- TRY IT
Scan the entries for the string "Tessellation" and give the number of lines that have it, nothing further.

[Dataset excerpts]
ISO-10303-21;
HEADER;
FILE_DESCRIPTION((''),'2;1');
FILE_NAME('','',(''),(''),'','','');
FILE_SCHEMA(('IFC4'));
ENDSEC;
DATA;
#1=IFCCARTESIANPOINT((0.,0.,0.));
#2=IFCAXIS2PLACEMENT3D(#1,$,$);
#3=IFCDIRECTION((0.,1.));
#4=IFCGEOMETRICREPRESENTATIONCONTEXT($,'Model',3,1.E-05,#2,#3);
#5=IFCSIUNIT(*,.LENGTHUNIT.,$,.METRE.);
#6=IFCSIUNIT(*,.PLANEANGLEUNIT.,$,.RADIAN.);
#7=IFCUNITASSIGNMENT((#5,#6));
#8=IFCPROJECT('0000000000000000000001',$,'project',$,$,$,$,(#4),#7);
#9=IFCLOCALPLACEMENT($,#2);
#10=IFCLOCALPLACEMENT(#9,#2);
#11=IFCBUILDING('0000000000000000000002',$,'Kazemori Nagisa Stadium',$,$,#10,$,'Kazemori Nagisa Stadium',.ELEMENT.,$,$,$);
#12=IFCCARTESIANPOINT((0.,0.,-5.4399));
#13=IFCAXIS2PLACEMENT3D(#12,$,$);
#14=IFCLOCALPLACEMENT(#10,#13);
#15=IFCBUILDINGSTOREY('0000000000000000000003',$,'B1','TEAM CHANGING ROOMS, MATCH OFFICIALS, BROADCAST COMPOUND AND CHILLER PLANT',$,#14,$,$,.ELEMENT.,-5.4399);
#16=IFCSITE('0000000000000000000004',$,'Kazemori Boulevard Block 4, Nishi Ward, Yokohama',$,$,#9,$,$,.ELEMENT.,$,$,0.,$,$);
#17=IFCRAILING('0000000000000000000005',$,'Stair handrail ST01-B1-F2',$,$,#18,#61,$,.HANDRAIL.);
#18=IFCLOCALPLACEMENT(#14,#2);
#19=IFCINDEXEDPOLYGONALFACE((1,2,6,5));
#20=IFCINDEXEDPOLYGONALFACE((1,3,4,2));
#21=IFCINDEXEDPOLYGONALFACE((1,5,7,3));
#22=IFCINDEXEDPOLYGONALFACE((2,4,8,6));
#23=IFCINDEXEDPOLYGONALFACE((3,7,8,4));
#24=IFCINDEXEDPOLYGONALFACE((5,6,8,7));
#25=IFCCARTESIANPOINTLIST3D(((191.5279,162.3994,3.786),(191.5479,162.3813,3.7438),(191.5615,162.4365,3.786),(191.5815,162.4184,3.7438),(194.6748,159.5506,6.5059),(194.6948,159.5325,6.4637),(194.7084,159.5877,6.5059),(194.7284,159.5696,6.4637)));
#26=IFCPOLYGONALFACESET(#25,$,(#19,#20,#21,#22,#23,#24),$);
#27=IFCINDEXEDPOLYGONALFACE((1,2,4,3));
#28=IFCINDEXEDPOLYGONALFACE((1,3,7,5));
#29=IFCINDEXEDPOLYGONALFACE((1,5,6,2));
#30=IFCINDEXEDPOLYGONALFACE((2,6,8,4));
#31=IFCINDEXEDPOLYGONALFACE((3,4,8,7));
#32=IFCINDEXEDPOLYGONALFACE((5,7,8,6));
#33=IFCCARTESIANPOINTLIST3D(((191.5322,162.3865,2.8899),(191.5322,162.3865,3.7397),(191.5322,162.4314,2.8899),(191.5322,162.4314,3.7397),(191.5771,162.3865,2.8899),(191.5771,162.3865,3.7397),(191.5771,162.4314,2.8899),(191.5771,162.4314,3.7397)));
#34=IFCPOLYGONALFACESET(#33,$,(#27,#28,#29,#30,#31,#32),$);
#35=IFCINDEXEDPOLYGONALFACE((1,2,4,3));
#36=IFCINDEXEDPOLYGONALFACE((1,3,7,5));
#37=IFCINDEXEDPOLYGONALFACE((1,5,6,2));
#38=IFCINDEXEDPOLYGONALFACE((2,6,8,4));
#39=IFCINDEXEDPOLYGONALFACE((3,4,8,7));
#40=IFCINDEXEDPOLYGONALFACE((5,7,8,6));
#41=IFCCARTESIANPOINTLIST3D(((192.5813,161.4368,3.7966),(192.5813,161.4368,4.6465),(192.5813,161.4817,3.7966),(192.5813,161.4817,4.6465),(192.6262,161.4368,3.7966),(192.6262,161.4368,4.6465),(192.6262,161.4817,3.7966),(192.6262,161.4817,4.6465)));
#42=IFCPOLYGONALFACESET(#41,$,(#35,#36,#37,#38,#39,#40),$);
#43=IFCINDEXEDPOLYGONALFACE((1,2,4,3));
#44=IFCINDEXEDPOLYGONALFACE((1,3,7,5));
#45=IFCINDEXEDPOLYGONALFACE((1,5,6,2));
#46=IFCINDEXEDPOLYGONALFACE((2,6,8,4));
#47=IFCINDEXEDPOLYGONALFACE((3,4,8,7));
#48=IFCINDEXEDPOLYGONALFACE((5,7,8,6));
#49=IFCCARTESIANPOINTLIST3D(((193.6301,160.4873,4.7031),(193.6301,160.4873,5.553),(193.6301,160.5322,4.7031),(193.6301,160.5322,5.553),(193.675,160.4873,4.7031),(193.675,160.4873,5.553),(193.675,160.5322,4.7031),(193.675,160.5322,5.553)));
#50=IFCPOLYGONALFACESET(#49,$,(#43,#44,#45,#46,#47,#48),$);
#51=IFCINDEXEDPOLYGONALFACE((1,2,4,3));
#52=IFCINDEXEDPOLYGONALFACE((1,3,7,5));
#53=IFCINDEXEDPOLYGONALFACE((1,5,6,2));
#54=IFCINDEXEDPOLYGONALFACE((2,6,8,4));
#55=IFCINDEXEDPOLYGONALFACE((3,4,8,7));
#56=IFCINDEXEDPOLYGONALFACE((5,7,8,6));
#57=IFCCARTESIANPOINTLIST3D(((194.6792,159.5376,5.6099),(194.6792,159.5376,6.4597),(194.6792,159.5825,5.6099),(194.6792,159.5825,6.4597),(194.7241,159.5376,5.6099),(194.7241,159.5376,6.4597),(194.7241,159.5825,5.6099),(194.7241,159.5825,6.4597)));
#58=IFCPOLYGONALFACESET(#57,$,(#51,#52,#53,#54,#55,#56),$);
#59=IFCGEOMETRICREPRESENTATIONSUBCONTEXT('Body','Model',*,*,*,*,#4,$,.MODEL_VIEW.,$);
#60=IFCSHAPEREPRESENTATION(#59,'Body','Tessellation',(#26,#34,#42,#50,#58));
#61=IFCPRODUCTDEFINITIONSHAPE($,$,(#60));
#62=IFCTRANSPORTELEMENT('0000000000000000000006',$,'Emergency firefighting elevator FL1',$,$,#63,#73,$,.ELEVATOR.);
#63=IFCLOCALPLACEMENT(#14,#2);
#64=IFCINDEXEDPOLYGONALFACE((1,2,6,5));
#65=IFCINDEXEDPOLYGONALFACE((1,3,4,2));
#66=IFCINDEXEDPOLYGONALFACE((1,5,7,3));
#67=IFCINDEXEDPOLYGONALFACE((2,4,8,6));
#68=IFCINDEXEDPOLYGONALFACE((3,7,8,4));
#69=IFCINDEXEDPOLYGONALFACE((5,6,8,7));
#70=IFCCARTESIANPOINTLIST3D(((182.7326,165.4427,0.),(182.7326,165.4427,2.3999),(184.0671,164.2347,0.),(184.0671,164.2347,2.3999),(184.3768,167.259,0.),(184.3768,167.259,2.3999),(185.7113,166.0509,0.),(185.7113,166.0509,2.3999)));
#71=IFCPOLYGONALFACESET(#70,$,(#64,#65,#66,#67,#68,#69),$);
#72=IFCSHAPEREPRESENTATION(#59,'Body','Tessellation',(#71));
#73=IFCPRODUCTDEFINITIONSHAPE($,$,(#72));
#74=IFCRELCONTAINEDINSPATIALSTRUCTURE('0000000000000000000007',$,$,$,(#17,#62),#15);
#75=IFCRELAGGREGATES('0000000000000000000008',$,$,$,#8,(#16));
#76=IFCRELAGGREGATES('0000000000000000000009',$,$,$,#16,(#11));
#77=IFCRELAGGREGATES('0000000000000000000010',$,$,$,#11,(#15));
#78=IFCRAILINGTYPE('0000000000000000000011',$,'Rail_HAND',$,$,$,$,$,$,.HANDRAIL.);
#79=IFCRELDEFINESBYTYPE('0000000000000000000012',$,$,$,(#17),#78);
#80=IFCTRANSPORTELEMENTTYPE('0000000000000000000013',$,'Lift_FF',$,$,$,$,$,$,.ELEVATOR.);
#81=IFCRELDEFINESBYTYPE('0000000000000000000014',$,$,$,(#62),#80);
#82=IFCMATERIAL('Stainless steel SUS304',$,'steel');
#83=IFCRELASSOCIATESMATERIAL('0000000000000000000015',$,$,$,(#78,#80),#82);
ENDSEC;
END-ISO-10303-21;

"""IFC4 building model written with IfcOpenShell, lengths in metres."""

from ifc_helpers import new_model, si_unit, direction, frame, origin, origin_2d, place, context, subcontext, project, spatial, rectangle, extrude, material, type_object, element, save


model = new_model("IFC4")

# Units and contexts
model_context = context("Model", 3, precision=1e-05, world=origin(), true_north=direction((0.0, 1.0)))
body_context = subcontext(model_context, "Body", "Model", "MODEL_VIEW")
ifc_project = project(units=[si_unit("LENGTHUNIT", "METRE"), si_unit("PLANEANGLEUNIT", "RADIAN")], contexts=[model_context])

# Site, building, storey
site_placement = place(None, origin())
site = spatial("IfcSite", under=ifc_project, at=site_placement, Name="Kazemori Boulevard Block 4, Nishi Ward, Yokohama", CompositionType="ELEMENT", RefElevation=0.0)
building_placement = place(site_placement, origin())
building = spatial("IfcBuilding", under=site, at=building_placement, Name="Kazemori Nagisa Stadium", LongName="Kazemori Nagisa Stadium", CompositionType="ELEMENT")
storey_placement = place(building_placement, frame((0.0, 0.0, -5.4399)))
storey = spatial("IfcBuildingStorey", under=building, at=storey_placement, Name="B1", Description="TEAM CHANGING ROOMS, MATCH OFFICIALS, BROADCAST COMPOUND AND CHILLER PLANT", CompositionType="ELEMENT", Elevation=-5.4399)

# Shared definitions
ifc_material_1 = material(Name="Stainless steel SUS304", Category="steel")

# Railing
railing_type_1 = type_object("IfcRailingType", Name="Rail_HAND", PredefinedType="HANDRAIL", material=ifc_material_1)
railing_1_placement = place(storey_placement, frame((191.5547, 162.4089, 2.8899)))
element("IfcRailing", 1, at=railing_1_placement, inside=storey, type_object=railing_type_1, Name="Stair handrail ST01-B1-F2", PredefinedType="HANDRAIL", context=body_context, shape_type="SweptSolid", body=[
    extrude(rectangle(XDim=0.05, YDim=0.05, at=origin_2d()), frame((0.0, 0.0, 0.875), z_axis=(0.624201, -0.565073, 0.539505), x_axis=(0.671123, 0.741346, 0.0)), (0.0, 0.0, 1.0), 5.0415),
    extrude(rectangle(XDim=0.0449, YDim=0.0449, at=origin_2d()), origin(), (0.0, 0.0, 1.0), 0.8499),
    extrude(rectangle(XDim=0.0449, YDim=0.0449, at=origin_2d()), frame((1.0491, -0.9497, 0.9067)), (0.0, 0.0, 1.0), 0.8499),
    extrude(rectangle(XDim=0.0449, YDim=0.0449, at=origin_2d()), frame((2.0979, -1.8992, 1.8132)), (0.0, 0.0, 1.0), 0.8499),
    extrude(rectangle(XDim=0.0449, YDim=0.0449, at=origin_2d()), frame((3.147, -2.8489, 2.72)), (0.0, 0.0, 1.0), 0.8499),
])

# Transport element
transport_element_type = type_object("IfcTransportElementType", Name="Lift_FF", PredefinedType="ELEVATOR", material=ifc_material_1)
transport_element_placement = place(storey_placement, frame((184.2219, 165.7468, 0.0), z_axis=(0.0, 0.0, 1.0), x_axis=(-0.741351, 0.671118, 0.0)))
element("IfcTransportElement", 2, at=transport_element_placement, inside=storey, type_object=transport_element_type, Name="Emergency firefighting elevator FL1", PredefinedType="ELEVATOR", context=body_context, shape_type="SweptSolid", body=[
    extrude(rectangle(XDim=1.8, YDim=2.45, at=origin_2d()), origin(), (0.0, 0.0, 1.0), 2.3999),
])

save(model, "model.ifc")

- TASK RESULT
2